** RECORDS **
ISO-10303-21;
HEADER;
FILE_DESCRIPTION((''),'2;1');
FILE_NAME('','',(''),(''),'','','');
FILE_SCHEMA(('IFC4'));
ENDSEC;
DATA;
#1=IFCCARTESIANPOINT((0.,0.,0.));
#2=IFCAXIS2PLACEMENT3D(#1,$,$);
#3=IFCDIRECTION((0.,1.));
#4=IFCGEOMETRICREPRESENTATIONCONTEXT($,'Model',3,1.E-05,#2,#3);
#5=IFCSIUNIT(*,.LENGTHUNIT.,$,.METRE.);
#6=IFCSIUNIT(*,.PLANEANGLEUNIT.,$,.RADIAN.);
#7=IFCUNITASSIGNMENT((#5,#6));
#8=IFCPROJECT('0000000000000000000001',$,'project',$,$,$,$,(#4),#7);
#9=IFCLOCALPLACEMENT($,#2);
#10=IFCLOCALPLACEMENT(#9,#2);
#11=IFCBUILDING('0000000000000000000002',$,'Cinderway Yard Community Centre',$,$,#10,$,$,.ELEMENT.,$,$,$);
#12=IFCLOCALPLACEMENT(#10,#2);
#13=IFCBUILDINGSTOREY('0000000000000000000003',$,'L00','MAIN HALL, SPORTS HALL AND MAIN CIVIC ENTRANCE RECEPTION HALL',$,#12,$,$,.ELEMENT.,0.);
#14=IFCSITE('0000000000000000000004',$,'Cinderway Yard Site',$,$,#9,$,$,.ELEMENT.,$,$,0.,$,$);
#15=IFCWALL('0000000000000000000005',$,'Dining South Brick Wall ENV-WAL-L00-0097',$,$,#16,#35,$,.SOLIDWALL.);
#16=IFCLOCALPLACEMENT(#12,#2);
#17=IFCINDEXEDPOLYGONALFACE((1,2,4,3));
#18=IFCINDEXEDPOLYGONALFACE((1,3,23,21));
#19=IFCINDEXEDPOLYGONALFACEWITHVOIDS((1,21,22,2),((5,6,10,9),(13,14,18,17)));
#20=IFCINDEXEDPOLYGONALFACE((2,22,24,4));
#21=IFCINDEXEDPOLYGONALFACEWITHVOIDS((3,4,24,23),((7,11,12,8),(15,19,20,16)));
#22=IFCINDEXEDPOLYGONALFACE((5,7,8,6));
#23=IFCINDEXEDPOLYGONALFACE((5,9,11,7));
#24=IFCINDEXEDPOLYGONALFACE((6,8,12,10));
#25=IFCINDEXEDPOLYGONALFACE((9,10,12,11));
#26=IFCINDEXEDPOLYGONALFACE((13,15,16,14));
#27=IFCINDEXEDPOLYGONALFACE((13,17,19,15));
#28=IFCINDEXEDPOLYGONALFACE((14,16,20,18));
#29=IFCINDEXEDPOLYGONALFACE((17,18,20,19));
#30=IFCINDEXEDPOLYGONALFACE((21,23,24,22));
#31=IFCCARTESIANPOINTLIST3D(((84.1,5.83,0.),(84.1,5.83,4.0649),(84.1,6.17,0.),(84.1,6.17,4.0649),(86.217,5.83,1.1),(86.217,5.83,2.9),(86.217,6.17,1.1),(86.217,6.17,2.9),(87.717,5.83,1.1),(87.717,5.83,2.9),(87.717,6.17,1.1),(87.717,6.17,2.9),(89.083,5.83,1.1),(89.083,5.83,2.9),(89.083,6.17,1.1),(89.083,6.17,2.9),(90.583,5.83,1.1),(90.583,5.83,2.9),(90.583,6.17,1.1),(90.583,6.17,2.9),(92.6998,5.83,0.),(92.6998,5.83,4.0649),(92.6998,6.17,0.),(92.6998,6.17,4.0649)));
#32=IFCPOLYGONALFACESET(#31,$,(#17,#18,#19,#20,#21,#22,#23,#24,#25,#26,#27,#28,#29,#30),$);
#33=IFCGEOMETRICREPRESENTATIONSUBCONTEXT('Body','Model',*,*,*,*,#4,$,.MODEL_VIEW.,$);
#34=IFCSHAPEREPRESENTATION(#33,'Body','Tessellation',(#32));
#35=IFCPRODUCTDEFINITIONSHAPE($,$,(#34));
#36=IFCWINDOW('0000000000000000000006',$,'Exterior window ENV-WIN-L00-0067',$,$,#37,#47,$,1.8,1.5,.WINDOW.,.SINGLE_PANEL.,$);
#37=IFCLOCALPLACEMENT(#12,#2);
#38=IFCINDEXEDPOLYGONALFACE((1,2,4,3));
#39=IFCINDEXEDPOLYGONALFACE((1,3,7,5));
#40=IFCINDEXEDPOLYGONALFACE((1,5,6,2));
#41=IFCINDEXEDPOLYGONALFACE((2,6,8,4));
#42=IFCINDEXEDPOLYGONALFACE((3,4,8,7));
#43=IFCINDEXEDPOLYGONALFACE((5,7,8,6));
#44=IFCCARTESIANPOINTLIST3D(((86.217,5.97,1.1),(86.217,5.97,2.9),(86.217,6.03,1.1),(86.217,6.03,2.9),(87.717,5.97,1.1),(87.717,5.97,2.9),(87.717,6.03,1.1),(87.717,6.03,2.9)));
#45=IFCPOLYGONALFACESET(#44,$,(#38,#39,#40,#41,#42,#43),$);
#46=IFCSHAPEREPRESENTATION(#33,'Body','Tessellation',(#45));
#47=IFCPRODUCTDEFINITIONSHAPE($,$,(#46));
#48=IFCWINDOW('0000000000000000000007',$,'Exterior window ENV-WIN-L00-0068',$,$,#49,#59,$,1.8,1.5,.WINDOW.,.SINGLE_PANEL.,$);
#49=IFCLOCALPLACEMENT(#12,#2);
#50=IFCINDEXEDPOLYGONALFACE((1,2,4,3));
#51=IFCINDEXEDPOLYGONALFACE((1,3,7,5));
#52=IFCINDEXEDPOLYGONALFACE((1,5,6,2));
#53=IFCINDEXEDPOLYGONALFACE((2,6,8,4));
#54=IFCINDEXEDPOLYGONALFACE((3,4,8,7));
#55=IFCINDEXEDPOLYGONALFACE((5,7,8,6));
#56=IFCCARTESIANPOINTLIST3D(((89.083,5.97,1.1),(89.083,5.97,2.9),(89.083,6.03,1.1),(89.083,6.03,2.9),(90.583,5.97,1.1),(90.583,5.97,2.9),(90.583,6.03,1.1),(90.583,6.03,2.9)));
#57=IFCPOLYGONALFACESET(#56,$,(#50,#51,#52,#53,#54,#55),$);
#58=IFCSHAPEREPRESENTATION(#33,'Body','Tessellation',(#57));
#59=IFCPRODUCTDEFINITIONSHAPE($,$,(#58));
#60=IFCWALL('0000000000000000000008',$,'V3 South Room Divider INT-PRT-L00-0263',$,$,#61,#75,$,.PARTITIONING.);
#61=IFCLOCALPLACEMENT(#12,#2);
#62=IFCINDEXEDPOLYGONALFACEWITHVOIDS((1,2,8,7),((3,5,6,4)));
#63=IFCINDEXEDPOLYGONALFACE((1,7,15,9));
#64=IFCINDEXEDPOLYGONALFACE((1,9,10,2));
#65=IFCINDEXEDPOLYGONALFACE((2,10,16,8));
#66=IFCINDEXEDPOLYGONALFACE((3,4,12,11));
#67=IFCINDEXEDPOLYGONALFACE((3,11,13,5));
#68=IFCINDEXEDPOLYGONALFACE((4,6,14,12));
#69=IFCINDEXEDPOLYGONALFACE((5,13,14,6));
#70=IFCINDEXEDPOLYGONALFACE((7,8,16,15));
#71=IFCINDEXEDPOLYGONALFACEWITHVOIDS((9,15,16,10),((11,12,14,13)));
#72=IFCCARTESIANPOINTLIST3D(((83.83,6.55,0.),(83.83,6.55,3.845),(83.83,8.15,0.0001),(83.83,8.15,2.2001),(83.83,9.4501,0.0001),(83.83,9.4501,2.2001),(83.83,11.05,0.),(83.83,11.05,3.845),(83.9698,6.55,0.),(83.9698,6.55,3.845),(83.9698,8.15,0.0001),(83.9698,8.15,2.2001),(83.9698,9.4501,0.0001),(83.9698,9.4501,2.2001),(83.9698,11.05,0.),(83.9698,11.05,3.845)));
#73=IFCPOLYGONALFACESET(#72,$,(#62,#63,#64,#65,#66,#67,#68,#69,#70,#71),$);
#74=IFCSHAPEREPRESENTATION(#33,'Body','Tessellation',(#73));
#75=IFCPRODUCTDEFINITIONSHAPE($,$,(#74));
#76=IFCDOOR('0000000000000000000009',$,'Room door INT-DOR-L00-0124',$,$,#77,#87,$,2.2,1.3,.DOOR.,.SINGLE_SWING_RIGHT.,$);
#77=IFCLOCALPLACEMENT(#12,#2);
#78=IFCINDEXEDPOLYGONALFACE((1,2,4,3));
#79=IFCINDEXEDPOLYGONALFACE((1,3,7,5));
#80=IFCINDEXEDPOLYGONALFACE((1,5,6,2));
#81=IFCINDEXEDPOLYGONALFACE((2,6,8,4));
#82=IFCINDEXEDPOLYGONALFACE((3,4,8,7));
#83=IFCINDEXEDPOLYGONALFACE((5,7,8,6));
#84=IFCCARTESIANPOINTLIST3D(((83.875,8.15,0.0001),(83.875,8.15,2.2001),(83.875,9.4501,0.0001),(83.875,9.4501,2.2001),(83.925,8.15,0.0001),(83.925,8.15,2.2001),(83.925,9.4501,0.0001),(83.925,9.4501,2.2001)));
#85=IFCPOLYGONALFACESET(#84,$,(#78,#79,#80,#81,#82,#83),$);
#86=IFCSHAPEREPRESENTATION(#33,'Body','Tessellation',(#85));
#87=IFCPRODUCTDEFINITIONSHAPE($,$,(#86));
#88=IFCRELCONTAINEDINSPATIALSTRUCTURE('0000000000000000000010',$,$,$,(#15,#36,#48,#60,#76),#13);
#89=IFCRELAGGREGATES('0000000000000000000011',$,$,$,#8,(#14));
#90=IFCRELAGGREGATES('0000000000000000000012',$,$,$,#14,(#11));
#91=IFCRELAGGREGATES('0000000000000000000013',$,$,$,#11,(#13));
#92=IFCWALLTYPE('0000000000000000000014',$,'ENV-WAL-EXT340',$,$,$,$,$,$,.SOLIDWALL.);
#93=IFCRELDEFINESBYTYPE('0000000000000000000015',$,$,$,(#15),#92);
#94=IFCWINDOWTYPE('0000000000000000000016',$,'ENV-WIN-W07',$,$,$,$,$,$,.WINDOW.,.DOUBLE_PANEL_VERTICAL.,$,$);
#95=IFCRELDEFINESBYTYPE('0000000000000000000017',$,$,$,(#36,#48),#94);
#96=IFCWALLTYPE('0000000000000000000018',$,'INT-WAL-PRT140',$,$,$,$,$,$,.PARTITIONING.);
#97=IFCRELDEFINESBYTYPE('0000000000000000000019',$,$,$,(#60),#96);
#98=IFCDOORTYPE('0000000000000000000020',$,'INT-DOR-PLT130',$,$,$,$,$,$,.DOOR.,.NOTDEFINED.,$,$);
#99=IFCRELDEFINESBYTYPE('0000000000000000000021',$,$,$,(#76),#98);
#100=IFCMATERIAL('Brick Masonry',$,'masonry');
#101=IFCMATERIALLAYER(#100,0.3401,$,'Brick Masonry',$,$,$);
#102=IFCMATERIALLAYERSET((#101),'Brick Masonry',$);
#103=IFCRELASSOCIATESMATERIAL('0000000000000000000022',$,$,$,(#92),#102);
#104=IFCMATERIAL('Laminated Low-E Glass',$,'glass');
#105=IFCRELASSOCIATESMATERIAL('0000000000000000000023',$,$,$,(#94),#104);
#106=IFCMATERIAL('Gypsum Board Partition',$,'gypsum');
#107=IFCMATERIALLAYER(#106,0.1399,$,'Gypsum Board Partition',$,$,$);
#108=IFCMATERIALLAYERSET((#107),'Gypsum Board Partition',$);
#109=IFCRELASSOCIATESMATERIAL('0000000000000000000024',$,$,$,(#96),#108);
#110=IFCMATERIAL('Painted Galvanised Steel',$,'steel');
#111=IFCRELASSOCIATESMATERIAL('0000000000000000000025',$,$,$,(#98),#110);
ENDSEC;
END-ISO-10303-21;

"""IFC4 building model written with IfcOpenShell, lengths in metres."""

from ifc_helpers import new_model, si_unit, direction, frame, frame_2d, origin, place, context, subcontext, project, spatial, rectangle, extrude, material, layer, layer_set, type_object, element, fill, save


model = new_model("IFC4")

# Units and contexts
model_context = context("Model", 3, precision=1e-05, world=origin(), true_north=direction((0.0, 1.0)))
body_context = subcontext(model_context, "Body", "Model", "MODEL_VIEW")
ifc_project = project(units=[si_unit("LENGTHUNIT", "METRE"), si_unit("PLANEANGLEUNIT", "RADIAN")], contexts=[model_context])

# Site, building, storey
site_placement = place(None, origin())
site = spatial("IfcSite", under=ifc_project, at=site_placement, Name="Cinderway Yard Site", CompositionType="ELEMENT", RefElevation=0.0)
building_placement = place(site_placement, origin())
building = spatial("IfcBuilding", under=site, at=building_placement, Name="Cinderway Yard Community Centre", CompositionType="ELEMENT")
storey_placement = place(building_placement, origin())
storey = spatial("IfcBuildingStorey", under=building, at=storey_placement, Name="L00", Description="MAIN HALL, SPORTS HALL AND MAIN CIVIC ENTRANCE RECEPTION HALL", CompositionType="ELEMENT", Elevation=0.0)

# Shared definitions
ifc_material_1 = material(Name="Brick Masonry", Category="masonry")
ifc_layer_1 = layer(ifc_material_1, 0.3401, Name="Brick Masonry")
ifc_layer_set_1 = layer_set([ifc_layer_1], Name="Brick Masonry")
wall_type_1 = type_object("IfcWallType", Name="ENV-WAL-EXT340", PredefinedType="SOLIDWALL", material=ifc_layer_set_1)

# Wall, openings, windows
wall_1_placement = place(storey_placement, frame((84.1001, 6.0, 0.0), z_axis=(0.0, 0.0, 1.0), x_axis=(1.0, 0.0, 0.0)))
wall_1 = element("IfcWall", 1, at=wall_1_placement, inside=storey, type_object=wall_type_1, Name="Dining South Brick Wall ENV-WAL-L00-0097", PredefinedType="SOLIDWALL", context=body_context, shape_type="SweptSolid", body=[
    extrude(rectangle(XDim=8.5999, YDim=0.3401, at=frame_2d((4.2998, 0.0))), origin(), (0.0, 0.0, 1.0), 4.0649),
])
opening_1_placement = place(wall_1_placement, frame((2.1169, 0.0, 1.1001)))
opening_1 = element("IfcOpeningElement", 2, at=opening_1_placement, cuts=wall_1, PredefinedType="OPENING", context=body_context, shape_type="SweptSolid", body=[
    extrude(rectangle(XDim=1.5, YDim=1.8, at=frame_2d((0.75, 0.8999))), frame((0.0, 0.1799, 0.0), z_axis=(0.0, -1.0, 0.0), x_axis=(1.0, 0.0, 0.0)), (0.0, 0.0, 1.0), 0.3601),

** WHAT TO DO **
Would you please copy exactly the part of the entries above that begins at the line containing "#25=IFCINDEXEDPOLYGONALFACE((9,10,12,11));" and ends at the line containing "#34=IFCSHAPEREPRESENTATION(#33,'Body','Tessellation',(#32));", both lines included?

** EXERCISE RESPONSE **
#25=IFCINDEXEDPOLYGONALFACE((9,10,12,11));
#26=IFCINDEXEDPOLYGONALFACE((13,15,16,14));
#27=IFCINDEXEDPOLYGONALFACE((13,17,19,15));
#28=IFCINDEXEDPOLYGONALFACE((14,16,20,18));
#29=IFCINDEXEDPOLYGONALFACE((17,18,20,19));
#30=IFCINDEXEDPOLYGONALFACE((21,23,24,22));
#31=IFCCARTESIANPOINTLIST3D(((84.1,5.83,0.),(84.1,5.83,4.0649),(84.1,6.17,0.),(84.1,6.17,4.0649),(86.217,5.83,1.1),(86.217,5.83,2.9),(86.217,6.17,1.1),(86.217,6.17,2.9),(87.717,5.83,1.1),(87.717,5.83,2.9),(87.717,6.17,1.1),(87.717,6.17,2.9),(89.083,5.83,1.1),(89.083,5.83,2.9),(89.083,6.17,1.1),(89.083,6.17,2.9),(90.583,5.83,1.1),(90.583,5.83,2.9),(90.583,6.17,1.1),(90.583,6.17,2.9),(92.6998,5.83,0.),(92.6998,5.83,4.0649),(92.6998,6.17,0.),(92.6998,6.17,4.0649)));
#32=IFCPOLYGONALFACESET(#31,$,(#17,#18,#19,#20,#21,#22,#23,#24,#25,#26,#27,#28,#29,#30),$);
#33=IFCGEOMETRICREPRESENTATIONSUBCONTEXT('Body','Model',*,*,*,*,#4,$,.MODEL_VIEW.,$);
#34=IFCSHAPEREPRESENTATION(#33,'Body','Tessellation',(#32));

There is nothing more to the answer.